▸ **WHAT TO WORK ON**:
Transcribe the following entries word for word. End with the line where "have other attributes;" appears.
=== DATA ===
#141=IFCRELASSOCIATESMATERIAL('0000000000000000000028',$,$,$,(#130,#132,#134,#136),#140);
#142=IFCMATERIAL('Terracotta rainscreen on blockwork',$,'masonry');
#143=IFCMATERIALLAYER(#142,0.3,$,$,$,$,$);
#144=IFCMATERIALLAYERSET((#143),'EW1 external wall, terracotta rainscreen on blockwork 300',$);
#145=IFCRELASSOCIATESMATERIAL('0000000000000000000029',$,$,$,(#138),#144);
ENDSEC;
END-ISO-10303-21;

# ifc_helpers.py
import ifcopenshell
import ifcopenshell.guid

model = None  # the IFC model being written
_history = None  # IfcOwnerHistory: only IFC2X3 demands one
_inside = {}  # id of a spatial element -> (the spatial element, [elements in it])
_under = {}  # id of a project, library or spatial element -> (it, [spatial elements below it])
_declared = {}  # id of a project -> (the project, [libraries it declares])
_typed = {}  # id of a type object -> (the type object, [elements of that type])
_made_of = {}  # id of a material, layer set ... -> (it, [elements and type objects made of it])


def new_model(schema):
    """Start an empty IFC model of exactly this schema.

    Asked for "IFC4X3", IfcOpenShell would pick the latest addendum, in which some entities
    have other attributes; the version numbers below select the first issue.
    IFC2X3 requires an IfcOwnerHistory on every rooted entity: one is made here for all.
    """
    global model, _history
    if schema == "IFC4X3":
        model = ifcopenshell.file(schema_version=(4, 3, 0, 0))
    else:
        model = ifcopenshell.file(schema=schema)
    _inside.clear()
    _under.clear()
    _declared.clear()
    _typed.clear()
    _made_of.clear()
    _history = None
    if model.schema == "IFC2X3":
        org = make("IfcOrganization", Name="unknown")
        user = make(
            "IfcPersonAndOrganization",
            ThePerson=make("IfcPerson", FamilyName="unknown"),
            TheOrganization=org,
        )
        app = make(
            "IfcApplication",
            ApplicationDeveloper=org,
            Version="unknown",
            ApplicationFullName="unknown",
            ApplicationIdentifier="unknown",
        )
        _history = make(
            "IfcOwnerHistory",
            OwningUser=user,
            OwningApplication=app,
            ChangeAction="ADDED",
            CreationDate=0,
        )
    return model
===
▸ **RESPONSE BELOW**:
#141=IFCRELASSOCIATESMATERIAL('0000000000000000000028',$,$,$,(#130,#132,#134,#136),#140);
#142=IFCMATERIAL('Terracotta rainscreen on blockwork',$,'masonry');
#143=IFCMATERIALLAYER(#142,0.3,$,$,$,$,$);
#144=IFCMATERIALLAYERSET((#143),'EW1 external wall, terracotta rainscreen on blockwork 300',$);
#145=IFCRELASSOCIATESMATERIAL('0000000000000000000029',$,$,$,(#138),#144);
ENDSEC;
END-ISO-10303-21;

# ifc_helpers.py
import ifcopenshell
import ifcopenshell.guid

model = None  # the IFC model being written
_history = None  # IfcOwnerHistory: only IFC2X3 demands one
_inside = {}  # id of a spatial element -> (the spatial element, [elements in it])
_under = {}  # id of a project, library or spatial element -> (it, [spatial elements below it])
_declared = {}  # id of a project -> (the project, [libraries it declares])
_typed = {}  # id of a type object -> (the type object, [elements of that type])
_made_of = {}  # id of a material, layer set ... -> (it, [elements and type objects made of it])


def new_model(schema):
    """Start an empty IFC model of exactly this schema.

    Asked for "IFC4X3", IfcOpenShell would pick the latest addendum, in which some entities
    have other attributes; the version numbers below select the first issue.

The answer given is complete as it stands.